Of the entries below, return exactly those lines that fall between the one containing "#208=IFCMATERIALLAYERSET((#207),'Flemish-bond kiln brick" and the one containing "COMMUNAL KITCHEN, OPEN", the two end lines included.

The input Block Start

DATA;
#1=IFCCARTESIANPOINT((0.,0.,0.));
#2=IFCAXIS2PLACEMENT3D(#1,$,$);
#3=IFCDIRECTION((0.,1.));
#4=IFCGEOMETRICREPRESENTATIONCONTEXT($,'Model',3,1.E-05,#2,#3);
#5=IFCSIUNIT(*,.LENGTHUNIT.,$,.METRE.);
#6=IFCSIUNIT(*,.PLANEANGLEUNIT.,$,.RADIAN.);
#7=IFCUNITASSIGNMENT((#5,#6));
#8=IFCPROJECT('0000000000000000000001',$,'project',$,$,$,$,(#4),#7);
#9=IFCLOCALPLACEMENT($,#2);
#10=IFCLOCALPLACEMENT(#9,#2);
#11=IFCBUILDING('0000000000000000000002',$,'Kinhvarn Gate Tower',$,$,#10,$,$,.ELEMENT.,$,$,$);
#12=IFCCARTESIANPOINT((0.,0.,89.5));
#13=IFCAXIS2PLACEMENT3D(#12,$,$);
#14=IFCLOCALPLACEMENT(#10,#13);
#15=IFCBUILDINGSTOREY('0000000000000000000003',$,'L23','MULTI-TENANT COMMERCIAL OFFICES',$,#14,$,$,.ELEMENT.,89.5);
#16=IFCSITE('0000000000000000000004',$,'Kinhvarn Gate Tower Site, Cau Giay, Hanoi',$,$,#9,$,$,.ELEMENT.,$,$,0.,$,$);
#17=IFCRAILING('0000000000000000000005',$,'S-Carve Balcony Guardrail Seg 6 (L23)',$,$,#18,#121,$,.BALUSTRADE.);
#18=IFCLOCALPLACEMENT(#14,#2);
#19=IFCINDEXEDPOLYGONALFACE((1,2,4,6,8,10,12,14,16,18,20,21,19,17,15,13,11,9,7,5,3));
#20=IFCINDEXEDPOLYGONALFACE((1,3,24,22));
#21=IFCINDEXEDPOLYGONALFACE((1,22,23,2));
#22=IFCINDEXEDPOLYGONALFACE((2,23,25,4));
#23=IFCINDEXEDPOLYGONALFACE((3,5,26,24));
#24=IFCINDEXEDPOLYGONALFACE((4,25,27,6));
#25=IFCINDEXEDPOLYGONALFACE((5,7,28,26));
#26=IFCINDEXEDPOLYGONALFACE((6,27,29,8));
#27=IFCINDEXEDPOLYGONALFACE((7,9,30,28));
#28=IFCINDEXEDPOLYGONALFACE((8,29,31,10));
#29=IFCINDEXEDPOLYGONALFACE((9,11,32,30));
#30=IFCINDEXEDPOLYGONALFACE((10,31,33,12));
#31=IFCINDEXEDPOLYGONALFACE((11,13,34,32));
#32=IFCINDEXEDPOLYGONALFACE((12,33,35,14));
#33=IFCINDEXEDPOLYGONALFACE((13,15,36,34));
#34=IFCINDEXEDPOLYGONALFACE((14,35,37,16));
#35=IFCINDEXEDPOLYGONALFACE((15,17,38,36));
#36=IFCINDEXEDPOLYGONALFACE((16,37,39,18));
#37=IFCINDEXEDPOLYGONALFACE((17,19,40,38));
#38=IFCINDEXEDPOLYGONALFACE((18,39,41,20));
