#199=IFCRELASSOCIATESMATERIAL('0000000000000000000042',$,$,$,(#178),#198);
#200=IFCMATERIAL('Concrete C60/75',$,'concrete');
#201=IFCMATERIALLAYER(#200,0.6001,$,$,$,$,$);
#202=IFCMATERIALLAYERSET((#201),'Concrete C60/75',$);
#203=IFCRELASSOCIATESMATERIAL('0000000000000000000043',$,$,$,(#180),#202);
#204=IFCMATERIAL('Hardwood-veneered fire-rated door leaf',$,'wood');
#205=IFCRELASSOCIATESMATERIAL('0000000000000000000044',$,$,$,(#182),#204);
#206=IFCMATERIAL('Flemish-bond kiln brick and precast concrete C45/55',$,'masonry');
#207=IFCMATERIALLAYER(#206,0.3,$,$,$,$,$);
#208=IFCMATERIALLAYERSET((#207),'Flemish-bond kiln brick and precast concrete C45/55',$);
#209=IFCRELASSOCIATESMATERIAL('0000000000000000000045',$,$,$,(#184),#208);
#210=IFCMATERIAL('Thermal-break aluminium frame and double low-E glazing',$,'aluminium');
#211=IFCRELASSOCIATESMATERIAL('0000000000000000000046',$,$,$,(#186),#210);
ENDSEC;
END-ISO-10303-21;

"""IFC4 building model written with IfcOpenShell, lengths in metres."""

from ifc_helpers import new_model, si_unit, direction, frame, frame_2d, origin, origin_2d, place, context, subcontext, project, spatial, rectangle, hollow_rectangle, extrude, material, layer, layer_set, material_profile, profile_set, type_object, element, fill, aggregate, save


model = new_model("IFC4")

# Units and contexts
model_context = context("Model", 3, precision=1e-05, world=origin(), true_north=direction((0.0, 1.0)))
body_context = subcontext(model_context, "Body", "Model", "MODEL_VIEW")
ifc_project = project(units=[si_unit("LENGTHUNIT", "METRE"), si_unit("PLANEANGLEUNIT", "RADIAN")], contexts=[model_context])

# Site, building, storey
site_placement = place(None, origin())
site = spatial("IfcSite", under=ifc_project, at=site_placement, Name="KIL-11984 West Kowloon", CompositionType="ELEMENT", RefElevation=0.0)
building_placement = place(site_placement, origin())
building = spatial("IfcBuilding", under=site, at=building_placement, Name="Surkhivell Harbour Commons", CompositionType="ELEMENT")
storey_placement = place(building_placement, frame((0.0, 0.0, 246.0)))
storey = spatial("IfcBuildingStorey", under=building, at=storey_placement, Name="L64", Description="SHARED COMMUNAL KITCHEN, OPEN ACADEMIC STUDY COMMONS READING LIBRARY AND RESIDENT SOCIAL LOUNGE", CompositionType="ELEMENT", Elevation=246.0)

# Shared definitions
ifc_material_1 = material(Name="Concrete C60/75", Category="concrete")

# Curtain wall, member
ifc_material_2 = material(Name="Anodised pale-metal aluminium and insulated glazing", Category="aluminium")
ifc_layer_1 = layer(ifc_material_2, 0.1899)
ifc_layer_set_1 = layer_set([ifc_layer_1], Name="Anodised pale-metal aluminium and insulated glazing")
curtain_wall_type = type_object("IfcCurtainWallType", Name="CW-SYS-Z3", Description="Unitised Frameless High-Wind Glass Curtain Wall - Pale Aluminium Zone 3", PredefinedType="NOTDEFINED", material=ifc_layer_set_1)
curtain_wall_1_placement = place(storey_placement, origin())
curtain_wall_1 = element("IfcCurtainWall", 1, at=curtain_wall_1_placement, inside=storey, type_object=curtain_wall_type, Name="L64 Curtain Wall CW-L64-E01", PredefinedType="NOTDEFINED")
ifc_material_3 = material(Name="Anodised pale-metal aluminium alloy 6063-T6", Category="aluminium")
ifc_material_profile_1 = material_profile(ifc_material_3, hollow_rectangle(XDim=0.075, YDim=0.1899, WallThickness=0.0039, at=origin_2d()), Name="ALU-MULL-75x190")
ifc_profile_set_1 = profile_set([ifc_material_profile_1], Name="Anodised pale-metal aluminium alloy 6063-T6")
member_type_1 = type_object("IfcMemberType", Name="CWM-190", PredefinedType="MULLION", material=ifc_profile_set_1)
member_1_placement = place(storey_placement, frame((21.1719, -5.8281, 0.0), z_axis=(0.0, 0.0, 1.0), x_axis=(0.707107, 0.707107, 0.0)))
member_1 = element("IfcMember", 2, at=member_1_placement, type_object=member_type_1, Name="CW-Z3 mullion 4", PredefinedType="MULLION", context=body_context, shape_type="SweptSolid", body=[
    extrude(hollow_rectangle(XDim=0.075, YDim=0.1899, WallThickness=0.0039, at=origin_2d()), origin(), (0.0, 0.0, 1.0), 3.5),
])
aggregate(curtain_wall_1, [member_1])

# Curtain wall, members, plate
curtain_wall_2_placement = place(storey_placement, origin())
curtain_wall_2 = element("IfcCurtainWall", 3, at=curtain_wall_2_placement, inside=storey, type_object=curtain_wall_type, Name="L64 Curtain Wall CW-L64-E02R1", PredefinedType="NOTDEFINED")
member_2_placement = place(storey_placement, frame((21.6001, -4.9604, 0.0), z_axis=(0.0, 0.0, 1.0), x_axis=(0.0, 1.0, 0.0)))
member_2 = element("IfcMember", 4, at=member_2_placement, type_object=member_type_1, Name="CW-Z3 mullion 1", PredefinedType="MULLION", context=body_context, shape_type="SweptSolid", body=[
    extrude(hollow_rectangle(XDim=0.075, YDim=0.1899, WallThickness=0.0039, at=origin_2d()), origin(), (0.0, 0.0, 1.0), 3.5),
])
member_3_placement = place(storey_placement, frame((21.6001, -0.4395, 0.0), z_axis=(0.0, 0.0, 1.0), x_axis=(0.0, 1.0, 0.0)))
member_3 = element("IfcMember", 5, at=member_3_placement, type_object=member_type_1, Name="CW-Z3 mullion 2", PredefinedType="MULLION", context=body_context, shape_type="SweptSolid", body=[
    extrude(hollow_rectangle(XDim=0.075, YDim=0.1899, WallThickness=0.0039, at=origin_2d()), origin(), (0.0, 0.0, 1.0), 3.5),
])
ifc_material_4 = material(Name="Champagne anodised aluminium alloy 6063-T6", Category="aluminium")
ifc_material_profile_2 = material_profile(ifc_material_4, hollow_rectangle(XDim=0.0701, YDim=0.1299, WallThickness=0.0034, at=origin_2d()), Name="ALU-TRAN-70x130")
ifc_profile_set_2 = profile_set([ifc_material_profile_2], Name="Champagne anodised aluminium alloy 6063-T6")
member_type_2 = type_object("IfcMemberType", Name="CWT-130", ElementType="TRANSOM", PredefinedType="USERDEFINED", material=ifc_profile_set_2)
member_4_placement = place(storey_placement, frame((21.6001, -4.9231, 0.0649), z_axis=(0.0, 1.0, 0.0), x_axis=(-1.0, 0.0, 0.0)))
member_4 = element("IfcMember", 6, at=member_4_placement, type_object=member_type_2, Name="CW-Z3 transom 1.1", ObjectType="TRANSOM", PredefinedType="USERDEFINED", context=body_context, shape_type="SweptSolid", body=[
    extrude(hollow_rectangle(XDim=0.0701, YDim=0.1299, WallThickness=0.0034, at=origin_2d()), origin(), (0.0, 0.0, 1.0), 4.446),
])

The input Block End

Exercise output:
#208=IFCMATERIALLAYERSET((#207),'Flemish-bond kiln brick and precast concrete C45/55',$);
#209=IFCRELASSOCIATESMATERIAL('0000000000000000000045',$,$,$,(#184),#208);
#210=IFCMATERIAL('Thermal-break aluminium frame and double low-E glazing',$,'aluminium');
#211=IFCRELASSOCIATESMATERIAL('0000000000000000000046',$,$,$,(#186),#210);
ENDSEC;
END-ISO-10303-21;

"""IFC4 building model written with IfcOpenShell, lengths in metres."""

from ifc_helpers import new_model, si_unit, direction, frame, frame_2d, origin, origin_2d, place, context, subcontext, project, spatial, rectangle, hollow_rectangle, extrude, material, layer, layer_set, material_profile, profile_set, type_object, element, fill, aggregate, save


model = new_model("IFC4")

# Units and contexts
model_context = context("Model", 3, precision=1e-05, world=origin(), true_north=direction((0.0, 1.0)))
body_context = subcontext(model_context, "Body", "Model", "MODEL_VIEW")
ifc_project = project(units=[si_unit("LENGTHUNIT", "METRE"), si_unit("PLANEANGLEUNIT", "RADIAN")], contexts=[model_context])

# Site, building, storey
site_placement = place(None, origin())
site = spatial("IfcSite", under=ifc_project, at=site_placement, Name="KIL-11984 West Kowloon", CompositionType="ELEMENT", RefElevation=0.0)
building_placement = place(site_placement, origin())
building = spatial("IfcBuilding", under=site, at=building_placement, Name="Surkhivell Harbour Commons", CompositionType="ELEMENT")
storey_placement = place(building_placement, frame((0.0, 0.0, 246.0)))
storey = spatial("IfcBuildingStorey", under=building, at=storey_placement, Name="L64", Description="SHARED COMMUNAL KITCHEN, OPEN ACADEMIC STUDY COMMONS READING LIBRARY AND RESIDENT SOCIAL LOUNGE", CompositionType="ELEMENT", Elevation=246.0)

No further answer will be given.